Saved entries:
============================================================
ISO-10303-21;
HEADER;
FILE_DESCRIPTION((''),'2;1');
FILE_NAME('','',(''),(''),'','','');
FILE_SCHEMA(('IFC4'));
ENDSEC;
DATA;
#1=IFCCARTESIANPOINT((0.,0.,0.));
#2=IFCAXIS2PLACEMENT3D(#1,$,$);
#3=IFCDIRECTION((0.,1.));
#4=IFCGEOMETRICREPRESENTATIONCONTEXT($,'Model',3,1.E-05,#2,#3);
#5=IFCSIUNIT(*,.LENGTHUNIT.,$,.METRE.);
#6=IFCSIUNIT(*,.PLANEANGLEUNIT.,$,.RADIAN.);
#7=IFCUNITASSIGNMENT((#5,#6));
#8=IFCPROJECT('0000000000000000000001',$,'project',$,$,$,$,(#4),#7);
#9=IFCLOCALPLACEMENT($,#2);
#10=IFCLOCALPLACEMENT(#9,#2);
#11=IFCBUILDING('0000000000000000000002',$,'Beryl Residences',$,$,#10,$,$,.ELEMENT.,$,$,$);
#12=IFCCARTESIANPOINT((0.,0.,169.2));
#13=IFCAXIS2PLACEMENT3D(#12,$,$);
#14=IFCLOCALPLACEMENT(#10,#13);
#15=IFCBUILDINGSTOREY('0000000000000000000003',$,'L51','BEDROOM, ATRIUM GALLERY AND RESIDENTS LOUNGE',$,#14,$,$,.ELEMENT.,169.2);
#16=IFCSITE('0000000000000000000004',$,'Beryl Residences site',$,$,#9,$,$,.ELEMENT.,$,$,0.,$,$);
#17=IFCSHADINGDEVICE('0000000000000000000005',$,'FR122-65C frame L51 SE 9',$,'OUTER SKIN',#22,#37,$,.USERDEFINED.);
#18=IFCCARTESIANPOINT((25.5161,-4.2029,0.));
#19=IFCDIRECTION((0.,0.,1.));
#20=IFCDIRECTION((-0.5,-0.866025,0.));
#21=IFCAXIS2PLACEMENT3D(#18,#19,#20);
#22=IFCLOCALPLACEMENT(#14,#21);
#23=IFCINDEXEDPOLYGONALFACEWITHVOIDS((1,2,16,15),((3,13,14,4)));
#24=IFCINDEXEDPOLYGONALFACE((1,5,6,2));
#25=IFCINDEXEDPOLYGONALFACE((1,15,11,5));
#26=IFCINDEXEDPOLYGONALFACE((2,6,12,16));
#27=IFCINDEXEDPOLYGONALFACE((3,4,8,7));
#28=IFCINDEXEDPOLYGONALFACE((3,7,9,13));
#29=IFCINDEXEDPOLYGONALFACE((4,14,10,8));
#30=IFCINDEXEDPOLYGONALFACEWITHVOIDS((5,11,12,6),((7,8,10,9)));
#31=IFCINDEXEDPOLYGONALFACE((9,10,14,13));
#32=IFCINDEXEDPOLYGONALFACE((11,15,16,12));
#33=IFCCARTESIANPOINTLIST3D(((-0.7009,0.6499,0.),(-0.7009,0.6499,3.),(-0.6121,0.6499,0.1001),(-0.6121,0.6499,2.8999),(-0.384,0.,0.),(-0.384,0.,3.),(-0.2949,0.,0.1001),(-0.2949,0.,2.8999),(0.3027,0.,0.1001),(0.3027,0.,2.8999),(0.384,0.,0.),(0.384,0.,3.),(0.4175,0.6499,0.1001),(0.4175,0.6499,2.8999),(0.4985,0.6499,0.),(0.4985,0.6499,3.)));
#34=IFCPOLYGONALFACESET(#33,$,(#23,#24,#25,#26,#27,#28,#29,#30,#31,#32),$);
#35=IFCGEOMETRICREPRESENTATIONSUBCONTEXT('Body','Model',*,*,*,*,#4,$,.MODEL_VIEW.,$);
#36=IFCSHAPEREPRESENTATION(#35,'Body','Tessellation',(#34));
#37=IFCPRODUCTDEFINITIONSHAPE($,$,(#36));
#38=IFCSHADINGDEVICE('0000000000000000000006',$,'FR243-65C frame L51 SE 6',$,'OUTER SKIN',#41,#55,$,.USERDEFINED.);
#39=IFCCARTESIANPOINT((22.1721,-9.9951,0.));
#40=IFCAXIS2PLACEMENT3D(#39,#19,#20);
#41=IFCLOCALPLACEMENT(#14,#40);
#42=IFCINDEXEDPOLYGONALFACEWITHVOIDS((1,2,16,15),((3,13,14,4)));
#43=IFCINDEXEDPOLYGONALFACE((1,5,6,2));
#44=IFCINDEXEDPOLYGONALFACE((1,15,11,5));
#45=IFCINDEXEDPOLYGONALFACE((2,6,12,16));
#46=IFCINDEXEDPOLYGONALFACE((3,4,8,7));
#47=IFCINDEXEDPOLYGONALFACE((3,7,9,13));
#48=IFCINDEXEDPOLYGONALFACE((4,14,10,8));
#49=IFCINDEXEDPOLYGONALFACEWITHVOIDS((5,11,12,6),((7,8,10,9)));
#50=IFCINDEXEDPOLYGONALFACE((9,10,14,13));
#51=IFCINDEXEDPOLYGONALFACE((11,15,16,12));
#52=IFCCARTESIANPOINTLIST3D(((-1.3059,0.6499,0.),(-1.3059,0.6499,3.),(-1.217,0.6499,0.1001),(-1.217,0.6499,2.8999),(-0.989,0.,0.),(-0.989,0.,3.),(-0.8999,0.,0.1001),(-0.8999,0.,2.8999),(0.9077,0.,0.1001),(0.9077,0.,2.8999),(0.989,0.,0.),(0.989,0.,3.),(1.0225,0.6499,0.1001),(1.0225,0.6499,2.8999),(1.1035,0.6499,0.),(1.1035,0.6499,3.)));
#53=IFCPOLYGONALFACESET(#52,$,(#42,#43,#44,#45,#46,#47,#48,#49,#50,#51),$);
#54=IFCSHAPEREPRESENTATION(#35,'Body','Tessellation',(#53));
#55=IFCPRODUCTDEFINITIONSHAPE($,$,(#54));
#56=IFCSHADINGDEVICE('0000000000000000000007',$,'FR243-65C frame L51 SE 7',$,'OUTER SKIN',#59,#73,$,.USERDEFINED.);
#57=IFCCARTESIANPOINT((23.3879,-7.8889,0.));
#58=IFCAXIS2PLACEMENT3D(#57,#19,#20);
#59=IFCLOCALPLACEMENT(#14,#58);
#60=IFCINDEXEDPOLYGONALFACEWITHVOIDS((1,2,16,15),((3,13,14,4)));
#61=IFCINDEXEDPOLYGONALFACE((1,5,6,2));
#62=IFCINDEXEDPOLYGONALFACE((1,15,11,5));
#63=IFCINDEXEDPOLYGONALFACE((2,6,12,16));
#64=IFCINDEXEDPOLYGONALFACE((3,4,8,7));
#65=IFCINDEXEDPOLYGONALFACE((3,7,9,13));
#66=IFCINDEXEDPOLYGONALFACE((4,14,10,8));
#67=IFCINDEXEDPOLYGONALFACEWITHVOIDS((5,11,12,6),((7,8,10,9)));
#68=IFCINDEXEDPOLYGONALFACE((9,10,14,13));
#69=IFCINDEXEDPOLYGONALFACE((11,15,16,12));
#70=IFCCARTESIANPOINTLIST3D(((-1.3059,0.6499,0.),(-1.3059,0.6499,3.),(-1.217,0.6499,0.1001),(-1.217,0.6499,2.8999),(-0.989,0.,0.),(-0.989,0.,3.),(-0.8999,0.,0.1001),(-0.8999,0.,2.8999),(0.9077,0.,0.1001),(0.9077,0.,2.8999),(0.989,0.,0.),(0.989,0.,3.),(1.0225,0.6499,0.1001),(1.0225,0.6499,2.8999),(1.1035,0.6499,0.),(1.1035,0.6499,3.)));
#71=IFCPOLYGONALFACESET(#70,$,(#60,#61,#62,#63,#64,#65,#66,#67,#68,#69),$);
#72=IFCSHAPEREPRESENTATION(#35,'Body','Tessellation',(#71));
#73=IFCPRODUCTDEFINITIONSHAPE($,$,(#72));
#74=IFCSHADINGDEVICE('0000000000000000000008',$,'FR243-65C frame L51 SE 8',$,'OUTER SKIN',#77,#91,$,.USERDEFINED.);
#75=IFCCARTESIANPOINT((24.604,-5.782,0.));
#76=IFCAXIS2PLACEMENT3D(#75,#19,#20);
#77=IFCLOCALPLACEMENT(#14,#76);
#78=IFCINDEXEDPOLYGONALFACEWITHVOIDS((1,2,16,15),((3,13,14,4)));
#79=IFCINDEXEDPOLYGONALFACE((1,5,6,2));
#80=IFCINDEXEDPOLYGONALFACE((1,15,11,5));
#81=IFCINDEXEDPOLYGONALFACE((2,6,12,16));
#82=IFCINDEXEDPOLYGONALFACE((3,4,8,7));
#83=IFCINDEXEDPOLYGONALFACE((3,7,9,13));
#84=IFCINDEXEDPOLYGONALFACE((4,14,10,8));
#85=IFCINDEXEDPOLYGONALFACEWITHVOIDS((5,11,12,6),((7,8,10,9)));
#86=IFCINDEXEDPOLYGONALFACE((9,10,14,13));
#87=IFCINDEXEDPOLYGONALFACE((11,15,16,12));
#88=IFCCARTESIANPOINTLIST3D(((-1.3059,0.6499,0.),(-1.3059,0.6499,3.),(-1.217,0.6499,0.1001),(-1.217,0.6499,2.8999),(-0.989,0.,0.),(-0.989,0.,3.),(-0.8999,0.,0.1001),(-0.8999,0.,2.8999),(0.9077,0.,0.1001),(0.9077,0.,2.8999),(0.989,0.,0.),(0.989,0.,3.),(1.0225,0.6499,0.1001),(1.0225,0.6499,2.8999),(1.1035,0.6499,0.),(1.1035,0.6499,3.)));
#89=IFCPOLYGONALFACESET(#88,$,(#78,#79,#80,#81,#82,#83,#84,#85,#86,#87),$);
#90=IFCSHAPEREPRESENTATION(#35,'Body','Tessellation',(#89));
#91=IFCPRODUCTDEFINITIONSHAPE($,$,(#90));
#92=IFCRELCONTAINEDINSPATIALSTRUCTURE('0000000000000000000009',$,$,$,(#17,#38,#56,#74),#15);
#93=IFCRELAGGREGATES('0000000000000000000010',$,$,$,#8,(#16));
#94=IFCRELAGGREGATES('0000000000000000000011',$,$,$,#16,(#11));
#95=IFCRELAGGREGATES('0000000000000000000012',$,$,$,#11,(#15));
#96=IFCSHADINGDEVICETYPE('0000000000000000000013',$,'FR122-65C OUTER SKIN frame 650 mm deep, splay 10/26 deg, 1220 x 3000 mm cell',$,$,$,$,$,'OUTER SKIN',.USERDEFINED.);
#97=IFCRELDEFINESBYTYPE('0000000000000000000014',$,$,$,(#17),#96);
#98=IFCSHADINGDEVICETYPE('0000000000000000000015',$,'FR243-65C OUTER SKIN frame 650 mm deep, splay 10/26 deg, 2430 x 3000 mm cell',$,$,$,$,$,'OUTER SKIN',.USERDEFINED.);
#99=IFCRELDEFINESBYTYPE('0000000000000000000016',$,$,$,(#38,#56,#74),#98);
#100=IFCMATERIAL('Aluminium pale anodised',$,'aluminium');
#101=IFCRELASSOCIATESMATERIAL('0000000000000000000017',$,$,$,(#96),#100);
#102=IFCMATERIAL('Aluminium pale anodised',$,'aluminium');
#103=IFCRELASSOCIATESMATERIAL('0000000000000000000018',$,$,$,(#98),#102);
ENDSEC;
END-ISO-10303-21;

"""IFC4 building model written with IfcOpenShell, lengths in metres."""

from ifc_helpers import new_model, entity, si_unit, direction, frame, origin, place, context, subcontext, project, spatial, source, transform, mapped, material, type_object, type_shapes, element, save


model = new_model("IFC4")

# Units and contexts
model_context = context("Model", 3, precision=1e-05, world=origin(), true_north=direction((0.0, 1.0)))
body_context = subcontext(model_context, "Body", "Model", "MODEL_VIEW")
ifc_project = project(units=[si_unit("LENGTHUNIT", "METRE"), si_unit("PLANEANGLEUNIT", "RADIAN")], contexts=[model_context])

# Site, building, storey
site_placement = place(None, origin())
site = spatial("IfcSite", under=ifc_project, at=site_placement, Name="Beryl Residences site", CompositionType="ELEMENT", RefElevation=0.0)
building_placement = place(site_placement, origin())
building = spatial("IfcBuilding", under=site, at=building_placement, Name="Beryl Residences", CompositionType="ELEMENT")
storey_placement = place(building_placement, frame((0.0, 0.0, 169.2)))
storey = spatial("IfcBuildingStorey", under=building, at=storey_placement, Name="L51", Description="BEDROOM, ATRIUM GALLERY AND RESIDENTS LOUNGE", CompositionType="ELEMENT", Elevation=169.2)

# Shading devices
ifc_material_1 = material(Name="Aluminium pale anodised", Category="aluminium")
shading_device_type_1 = type_object("IfcShadingDeviceType", Name="FR122-65C OUTER SKIN frame 650 mm deep, splay 10/26 deg, 1220 x 3000 mm cell", ElementType="OUTER SKIN", PredefinedType="USERDEFINED", material=ifc_material_1)
cartesian_point_1 = entity("IfcCartesianPoint", [-0.384, 0.0])
cartesian_point_2 = entity("IfcCartesianPoint", [-0.3027, 0.1001])
cartesian_point_3 = entity("IfcCartesianPoint", [-0.4985, 0.0])
cartesian_point_4 = entity("IfcCartesianPoint", [-0.4175, 0.1001])
shared_shape_1 = source(origin(), body_context, "Body", "SweptSolid", [
    entity("IfcExtrudedAreaSolidTapered", entity("IfcArbitraryProfileDefWithVoids", "AREA", None, entity("IfcPolyline", [cartesian_point_1, entity("IfcCartesianPoint", [0.384, 0.0]), entity("IfcCartesianPoint", [0.384, 3.0]), entity("IfcCartesianPoint", [-0.384, 3.0]), cartesian_point_1]), [entity("IfcPolyline", [cartesian_point_2, entity("IfcCartesianPoint", [0.2949, 0.1001]), entity("IfcCartesianPoint", [0.2949, 2.8999]), entity("IfcCartesianPoint", [-0.3027, 2.8999]), cartesian_point_2])]), entity("IfcAxis2Placement3D", entity("IfcCartesianPoint", [0.0, 0.0, 0.0]), entity("IfcDirection", [0.0, 1.0, 0.0]), entity("IfcDirection", [-1.0, 0.0, 0.0])), entity("IfcDirection", [0.0, 0.0, 1.0]), 0.6499, entity("IfcArbitraryProfileDefWithVoids", "AREA", None, entity("IfcPolyline", [cartesian_point_3, entity("IfcCartesianPoint", [0.7009, 0.0]), entity("IfcCartesianPoint", [0.7009, 3.0]), entity("IfcCartesianPoint", [-0.4985, 3.0]), cartesian_point_3]), [entity("IfcPolyline", [cartesian_point_4, entity("IfcCartesianPoint", [0.6121, 0.1001]), entity("IfcCartesianPoint", [0.6121, 2.8999]), entity("IfcCartesianPoint", [-0.4175, 2.8999]), cartesian_point_4])])),
])
type_shapes(shading_device_type_1, [shared_shape_1])
shading_device_placement = place(storey_placement, frame((25.5161, -4.2029, 0.0), z_axis=(0.0, 0.0, 1.0), x_axis=(-0.5, -0.866025, 0.0)))
element("IfcShadingDevice", 1, at=shading_device_placement, inside=storey, type_object=shading_device_type_1, Name="FR122-65C frame L51 SE 9", ObjectType="OUTER SKIN", PredefinedType="USERDEFINED", context=body_context, shape_type="MappedRepresentation", body=[
    mapped(shared_shape_1, transform((0.0, 0.0, 0.0))),
])
ifc_material_2 = material(Name="Aluminium pale anodised", Category="aluminium")
shading_device_type_2 = type_object("IfcShadingDeviceType", Name="FR243-65C OUTER SKIN frame 650 mm deep, splay 10/26 deg, 2430 x 3000 mm cell", ElementType="OUTER SKIN", PredefinedType="USERDEFINED", material=ifc_material_2)
cartesian_point_5 = entity("IfcCartesianPoint", [-0.989, 0.0])
cartesian_point_6 = entity("IfcCartesianPoint", [-0.9077, 0.1001])
cartesian_point_7 = entity("IfcCartesianPoint", [-1.1035, 0.0])
cartesian_point_8 = entity("IfcCartesianPoint", [-1.0225, 0.1001])
shared_shape_2 = source(origin(), body_context, "Body", "SweptSolid", [
    entity("IfcExtrudedAreaSolidTapered", entity("IfcArbitraryProfileDefWithVoids", "AREA", None, entity("IfcPolyline", [cartesian_point_5, entity("IfcCartesianPoint", [0.989, 0.0]), entity("IfcCartesianPoint", [0.989, 3.0]), entity("IfcCartesianPoint", [-0.989, 3.0]), cartesian_point_5]), [entity("IfcPolyline", [cartesian_point_6, entity("IfcCartesianPoint", [0.8999, 0.1001]), entity("IfcCartesianPoint", [0.8999, 2.8999]), entity("IfcCartesianPoint", [-0.9077, 2.8999]), cartesian_point_6])]), entity("IfcAxis2Placement3D", entity("IfcCartesianPoint", [0.0, 0.0, 0.0]), entity("IfcDirection", [0.0, 1.0, 0.0]), entity("IfcDirection", [-1.0, 0.0, 0.0])), entity("IfcDirection", [0.0, 0.0, 1.0]), 0.6499, entity("IfcArbitraryProfileDefWithVoids", "AREA", None, entity("IfcPolyline", [cartesian_point_7, entity("IfcCartesianPoint", [1.3059, 0.0]), entity("IfcCartesianPoint", [1.3059, 3.0]), entity("IfcCartesianPoint", [-1.1035, 3.0]), cartesian_point_7]), [entity("IfcPolyline", [cartesian_point_8, entity("IfcCartesianPoint", [1.217, 0.1001]), entity("IfcCartesianPoint", [1.217, 2.8999]), entity("IfcCartesianPoint", [-1.0225, 2.8999]), cartesian_point_8])])),
])
type_shapes(shading_device_type_2, [shared_shape_2])
for number, where, z_axis, x_axis, name in (
    (2, (22.1721, -9.9951, 0.0), (0.0, 0.0, 1.0), (-0.5, -0.866025, 0.0), "FR243-65C frame L51 SE 6"),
============================================================
**DESCRIPTION OF THE TASK**
If a line in the entries includes the word "IFCSIUNIT", copy that line out.

**EXPECTED OUTPUT**
#5=IFCSIUNIT(*,.LENGTHUNIT.,$,.METRE.);
#6=IFCSIUNIT(*,.PLANEANGLEUNIT.,$,.RADIAN.);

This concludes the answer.